(Saved entries)
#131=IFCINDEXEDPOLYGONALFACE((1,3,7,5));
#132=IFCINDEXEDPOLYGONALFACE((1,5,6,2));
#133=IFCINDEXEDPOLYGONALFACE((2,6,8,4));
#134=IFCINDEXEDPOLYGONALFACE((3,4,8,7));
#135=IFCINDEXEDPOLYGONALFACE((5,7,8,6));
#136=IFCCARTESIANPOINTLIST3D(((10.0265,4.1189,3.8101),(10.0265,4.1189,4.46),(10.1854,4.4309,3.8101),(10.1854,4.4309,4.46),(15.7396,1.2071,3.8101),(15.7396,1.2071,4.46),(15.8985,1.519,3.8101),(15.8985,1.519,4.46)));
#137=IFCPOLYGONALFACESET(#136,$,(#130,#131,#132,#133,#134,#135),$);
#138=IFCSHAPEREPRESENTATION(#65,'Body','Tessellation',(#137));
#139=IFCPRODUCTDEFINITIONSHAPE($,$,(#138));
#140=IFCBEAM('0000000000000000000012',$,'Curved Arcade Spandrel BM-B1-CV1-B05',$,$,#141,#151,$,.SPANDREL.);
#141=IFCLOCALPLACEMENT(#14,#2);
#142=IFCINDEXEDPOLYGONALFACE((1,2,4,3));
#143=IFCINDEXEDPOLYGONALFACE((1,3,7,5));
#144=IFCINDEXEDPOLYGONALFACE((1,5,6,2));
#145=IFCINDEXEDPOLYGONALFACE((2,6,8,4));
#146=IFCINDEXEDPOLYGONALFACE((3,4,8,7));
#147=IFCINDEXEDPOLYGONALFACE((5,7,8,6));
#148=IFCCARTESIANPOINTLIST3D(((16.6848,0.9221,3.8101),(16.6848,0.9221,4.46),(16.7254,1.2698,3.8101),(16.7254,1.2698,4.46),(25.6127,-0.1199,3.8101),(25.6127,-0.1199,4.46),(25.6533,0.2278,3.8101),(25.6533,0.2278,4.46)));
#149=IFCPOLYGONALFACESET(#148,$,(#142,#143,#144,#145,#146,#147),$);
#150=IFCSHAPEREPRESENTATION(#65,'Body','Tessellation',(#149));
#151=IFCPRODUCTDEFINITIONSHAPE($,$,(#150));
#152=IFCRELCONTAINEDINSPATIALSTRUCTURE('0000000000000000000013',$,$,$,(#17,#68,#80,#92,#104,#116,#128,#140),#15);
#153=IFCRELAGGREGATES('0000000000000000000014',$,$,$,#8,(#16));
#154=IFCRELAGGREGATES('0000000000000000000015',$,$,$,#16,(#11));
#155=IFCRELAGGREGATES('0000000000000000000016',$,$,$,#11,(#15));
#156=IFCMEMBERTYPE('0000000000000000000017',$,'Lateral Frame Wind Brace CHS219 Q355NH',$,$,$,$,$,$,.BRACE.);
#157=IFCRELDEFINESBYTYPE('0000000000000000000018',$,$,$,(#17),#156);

Brief: The output must consist solely of the lines from the first line of the records through the line containing "#138=IFCSHAPEREPRESENTATION(#65,'Body','Tessellation',(#137));", reproduced exactly.

Exercise result:
#131=IFCINDEXEDPOLYGONALFACE((1,3,7,5));
#132=IFCINDEXEDPOLYGONALFACE((1,5,6,2));
#133=IFCINDEXEDPOLYGONALFACE((2,6,8,4));
#134=IFCINDEXEDPOLYGONALFACE((3,4,8,7));
#135=IFCINDEXEDPOLYGONALFACE((5,7,8,6));
#136=IFCCARTESIANPOINTLIST3D(((10.0265,4.1189,3.8101),(10.0265,4.1189,4.46),(10.1854,4.4309,3.8101),(10.1854,4.4309,4.46),(15.7396,1.2071,3.8101),(15.7396,1.2071,4.46),(15.8985,1.519,3.8101),(15.8985,1.519,4.46)));
#137=IFCPOLYGONALFACESET(#136,$,(#130,#131,#132,#133,#134,#135),$);
#138=IFCSHAPEREPRESENTATION(#65,'Body','Tessellation',(#137));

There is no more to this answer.